Extract from the entries below, exactly as given, only the lines from the line containing "#186=IFCINDEXEDPOLYGONALFACE((26,68,72,30));" to the line containing "#198=IFCINDEXEDPOLYGONALFACE((38,80,81,39));", both lines included.

───── Task data

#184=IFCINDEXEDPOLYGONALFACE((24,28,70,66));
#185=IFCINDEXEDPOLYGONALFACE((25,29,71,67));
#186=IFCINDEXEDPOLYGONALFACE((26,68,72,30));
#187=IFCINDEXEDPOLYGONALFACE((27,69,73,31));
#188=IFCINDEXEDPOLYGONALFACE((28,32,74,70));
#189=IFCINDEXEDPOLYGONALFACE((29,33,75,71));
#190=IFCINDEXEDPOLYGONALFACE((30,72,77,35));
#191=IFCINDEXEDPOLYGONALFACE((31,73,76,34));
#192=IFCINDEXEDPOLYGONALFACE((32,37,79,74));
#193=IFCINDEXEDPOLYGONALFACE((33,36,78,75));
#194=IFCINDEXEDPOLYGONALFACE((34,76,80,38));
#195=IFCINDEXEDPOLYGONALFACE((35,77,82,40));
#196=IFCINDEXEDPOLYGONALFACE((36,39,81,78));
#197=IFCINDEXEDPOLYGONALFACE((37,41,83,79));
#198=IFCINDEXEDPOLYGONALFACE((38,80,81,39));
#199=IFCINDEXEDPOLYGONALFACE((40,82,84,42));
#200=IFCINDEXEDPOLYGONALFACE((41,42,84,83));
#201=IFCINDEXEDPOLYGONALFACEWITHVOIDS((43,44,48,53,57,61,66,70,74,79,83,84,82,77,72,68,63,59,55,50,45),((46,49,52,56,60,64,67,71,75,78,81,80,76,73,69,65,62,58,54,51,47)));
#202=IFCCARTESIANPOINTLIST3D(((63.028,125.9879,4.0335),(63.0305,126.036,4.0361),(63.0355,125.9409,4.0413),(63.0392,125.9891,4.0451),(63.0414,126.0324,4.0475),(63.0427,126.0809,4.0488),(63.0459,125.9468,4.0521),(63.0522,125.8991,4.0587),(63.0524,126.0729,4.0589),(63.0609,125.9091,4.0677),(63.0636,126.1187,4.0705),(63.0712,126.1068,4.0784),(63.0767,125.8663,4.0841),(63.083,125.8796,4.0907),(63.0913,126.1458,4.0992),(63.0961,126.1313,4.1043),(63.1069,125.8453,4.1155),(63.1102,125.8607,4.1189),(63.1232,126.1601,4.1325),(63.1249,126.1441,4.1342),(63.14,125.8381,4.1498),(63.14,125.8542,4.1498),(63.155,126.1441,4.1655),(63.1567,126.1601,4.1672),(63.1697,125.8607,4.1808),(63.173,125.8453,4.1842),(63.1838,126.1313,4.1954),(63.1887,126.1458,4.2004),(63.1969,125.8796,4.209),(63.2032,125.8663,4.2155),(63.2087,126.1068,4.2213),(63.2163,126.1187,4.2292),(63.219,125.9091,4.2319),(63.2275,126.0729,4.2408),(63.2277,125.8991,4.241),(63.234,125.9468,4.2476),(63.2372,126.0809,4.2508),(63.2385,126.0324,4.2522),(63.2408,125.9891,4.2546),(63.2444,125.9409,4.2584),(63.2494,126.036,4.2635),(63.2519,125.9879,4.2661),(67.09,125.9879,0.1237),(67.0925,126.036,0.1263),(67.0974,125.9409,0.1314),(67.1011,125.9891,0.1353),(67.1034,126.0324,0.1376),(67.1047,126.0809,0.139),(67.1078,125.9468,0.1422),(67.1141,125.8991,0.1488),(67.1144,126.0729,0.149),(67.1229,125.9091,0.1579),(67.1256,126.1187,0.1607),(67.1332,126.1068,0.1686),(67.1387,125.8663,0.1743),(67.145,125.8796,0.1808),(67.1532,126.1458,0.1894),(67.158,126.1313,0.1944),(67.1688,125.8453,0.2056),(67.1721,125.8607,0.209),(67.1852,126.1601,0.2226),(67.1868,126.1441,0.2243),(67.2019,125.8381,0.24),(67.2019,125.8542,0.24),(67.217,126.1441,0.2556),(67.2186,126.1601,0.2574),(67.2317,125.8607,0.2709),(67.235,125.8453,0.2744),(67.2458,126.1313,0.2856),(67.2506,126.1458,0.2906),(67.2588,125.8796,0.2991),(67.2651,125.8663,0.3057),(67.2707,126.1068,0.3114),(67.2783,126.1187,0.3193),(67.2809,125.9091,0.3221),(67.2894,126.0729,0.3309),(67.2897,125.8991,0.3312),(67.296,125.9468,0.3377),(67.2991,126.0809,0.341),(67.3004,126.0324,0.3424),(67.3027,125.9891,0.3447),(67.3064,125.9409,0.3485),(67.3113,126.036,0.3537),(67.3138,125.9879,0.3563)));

──────────

Answer space:
#186=IFCINDEXEDPOLYGONALFACE((26,68,72,30));
#187=IFCINDEXEDPOLYGONALFACE((27,69,73,31));
#188=IFCINDEXEDPOLYGONALFACE((28,32,74,70));
#189=IFCINDEXEDPOLYGONALFACE((29,33,75,71));
#190=IFCINDEXEDPOLYGONALFACE((30,72,77,35));
#191=IFCINDEXEDPOLYGONALFACE((31,73,76,34));
#192=IFCINDEXEDPOLYGONALFACE((32,37,79,74));
#193=IFCINDEXEDPOLYGONALFACE((33,36,78,75));
#194=IFCINDEXEDPOLYGONALFACE((34,76,80,38));
#195=IFCINDEXEDPOLYGONALFACE((35,77,82,40));
#196=IFCINDEXEDPOLYGONALFACE((36,39,81,78));
#197=IFCINDEXEDPOLYGONALFACE((37,41,83,79));
#198=IFCINDEXEDPOLYGONALFACE((38,80,81,39));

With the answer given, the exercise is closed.